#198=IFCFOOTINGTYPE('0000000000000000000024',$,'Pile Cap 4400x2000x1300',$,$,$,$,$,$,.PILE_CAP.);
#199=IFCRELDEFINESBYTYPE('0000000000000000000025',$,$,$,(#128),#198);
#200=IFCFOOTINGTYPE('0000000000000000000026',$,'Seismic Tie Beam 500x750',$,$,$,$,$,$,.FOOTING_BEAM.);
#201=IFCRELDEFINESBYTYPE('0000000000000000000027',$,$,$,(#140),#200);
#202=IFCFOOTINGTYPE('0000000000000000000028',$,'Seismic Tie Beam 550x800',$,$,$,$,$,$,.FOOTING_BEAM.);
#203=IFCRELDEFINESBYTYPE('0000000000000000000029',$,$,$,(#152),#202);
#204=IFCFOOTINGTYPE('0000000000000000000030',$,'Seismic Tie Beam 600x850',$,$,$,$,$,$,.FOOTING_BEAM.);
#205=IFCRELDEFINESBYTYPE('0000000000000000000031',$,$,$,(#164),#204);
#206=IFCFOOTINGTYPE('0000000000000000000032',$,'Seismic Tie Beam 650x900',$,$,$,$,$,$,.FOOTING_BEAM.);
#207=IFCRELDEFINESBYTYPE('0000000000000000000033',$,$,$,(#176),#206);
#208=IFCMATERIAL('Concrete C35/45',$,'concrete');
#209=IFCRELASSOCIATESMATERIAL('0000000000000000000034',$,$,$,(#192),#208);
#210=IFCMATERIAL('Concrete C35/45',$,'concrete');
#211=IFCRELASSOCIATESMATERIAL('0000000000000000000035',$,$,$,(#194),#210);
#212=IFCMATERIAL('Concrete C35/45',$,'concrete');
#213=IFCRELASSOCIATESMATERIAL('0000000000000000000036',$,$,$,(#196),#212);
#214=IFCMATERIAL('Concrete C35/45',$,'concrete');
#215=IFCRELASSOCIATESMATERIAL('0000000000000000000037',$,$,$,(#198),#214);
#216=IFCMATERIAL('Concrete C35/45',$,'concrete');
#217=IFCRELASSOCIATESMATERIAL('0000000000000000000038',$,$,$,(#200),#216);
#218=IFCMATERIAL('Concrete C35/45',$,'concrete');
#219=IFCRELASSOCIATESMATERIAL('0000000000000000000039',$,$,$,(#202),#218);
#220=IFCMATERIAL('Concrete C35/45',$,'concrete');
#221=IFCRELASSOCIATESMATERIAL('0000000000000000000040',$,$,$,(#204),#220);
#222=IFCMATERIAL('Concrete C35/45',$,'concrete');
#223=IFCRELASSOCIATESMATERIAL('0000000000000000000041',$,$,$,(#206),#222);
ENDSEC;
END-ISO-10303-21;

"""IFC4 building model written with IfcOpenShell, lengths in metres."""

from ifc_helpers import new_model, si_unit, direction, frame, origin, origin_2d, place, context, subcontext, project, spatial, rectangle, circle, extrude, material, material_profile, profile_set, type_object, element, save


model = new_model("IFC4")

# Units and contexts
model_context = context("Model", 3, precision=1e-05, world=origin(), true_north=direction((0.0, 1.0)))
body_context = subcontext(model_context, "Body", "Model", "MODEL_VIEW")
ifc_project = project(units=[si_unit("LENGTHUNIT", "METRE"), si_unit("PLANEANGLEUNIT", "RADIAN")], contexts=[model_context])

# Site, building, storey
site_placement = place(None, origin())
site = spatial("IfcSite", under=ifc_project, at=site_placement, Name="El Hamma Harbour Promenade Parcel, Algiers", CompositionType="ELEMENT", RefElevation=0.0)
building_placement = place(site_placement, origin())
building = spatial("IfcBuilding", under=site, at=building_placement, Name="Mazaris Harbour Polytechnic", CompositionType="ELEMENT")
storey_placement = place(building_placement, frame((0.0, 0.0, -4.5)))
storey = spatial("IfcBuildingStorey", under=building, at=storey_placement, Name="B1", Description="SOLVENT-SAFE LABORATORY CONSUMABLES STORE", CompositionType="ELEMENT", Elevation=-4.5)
==
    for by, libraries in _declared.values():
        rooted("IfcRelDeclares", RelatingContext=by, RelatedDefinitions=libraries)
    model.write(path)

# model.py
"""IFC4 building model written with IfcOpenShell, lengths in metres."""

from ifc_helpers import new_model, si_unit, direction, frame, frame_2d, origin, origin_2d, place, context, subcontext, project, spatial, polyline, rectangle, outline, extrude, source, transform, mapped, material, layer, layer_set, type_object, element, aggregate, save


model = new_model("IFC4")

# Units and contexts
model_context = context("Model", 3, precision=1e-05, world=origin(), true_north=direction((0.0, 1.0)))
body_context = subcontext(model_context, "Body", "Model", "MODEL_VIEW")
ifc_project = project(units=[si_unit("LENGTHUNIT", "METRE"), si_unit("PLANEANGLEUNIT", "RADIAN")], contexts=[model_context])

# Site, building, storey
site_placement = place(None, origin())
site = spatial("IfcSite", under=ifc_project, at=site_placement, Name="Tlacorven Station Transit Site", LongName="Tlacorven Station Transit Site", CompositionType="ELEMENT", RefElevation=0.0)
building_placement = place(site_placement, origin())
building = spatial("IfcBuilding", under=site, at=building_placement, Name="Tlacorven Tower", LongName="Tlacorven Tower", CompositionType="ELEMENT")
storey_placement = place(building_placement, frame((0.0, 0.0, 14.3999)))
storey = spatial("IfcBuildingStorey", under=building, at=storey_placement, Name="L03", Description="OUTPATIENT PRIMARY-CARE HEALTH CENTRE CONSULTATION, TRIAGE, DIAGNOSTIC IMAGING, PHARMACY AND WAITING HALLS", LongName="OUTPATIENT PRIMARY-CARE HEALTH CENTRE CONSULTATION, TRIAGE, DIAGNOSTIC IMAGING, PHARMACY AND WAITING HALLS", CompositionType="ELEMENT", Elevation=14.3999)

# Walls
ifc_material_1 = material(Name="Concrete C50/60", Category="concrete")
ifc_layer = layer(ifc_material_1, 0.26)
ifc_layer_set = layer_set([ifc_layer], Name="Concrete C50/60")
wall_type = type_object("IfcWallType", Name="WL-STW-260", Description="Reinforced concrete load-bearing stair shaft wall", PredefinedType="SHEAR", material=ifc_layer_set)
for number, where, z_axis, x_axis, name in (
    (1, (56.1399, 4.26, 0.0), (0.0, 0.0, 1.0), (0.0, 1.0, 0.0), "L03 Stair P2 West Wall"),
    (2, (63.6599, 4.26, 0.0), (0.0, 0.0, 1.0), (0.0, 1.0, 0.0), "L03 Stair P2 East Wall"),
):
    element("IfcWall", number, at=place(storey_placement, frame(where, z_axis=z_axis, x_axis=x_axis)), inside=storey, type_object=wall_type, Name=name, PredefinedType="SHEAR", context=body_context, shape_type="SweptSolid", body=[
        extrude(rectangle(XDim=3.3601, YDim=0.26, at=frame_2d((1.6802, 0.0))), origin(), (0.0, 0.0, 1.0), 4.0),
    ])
* * *
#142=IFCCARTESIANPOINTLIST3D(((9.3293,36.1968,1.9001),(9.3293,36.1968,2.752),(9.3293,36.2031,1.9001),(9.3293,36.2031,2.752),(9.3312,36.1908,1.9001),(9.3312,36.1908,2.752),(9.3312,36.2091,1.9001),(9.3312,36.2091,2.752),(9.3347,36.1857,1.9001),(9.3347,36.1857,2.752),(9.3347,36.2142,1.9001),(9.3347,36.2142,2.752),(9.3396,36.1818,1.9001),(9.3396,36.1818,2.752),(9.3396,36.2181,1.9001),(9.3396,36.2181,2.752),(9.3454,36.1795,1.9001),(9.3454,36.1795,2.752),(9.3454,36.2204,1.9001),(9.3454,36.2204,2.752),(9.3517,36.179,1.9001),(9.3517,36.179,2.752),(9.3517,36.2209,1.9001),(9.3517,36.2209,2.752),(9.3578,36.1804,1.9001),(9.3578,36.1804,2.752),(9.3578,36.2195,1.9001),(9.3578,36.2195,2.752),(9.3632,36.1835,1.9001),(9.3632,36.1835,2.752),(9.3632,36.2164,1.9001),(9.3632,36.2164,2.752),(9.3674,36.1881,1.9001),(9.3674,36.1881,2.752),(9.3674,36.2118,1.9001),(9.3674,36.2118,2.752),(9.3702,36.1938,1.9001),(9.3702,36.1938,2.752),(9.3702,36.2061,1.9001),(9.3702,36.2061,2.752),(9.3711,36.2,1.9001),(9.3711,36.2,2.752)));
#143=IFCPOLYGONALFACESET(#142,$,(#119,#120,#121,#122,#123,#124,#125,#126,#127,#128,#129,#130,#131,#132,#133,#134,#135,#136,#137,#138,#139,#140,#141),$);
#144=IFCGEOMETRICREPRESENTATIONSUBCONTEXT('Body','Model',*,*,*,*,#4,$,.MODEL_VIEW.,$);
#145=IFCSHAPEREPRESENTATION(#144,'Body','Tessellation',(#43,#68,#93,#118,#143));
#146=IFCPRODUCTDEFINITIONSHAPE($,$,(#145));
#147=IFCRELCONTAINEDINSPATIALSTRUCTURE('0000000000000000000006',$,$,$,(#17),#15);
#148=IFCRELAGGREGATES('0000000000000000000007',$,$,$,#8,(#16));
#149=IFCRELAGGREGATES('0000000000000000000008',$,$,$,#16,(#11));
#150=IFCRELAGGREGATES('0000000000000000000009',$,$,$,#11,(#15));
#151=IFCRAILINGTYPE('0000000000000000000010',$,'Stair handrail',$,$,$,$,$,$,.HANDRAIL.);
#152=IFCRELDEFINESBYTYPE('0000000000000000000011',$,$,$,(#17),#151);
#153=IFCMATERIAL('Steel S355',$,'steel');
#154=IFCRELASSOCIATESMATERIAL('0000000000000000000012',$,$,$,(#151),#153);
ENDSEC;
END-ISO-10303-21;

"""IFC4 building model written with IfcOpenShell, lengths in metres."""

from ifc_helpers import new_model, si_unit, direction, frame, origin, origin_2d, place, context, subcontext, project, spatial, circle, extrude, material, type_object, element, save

What to do
Your task is to copy each line of the material that contains the word "IFCMATERIAL".

Written answer
#208=IFCMATERIAL('Concrete C35/45',$,'concrete');
#210=IFCMATERIAL('Concrete C35/45',$,'concrete');
#212=IFCMATERIAL('Concrete C35/45',$,'concrete');
#214=IFCMATERIAL('Concrete C35/45',$,'concrete');
#216=IFCMATERIAL('Concrete C35/45',$,'concrete');
#218=IFCMATERIAL('Concrete C35/45',$,'concrete');
#220=IFCMATERIAL('Concrete C35/45',$,'concrete');
#222=IFCMATERIAL('Concrete C35/45',$,'concrete');
#153=IFCMATERIAL('Steel S355',$,'steel');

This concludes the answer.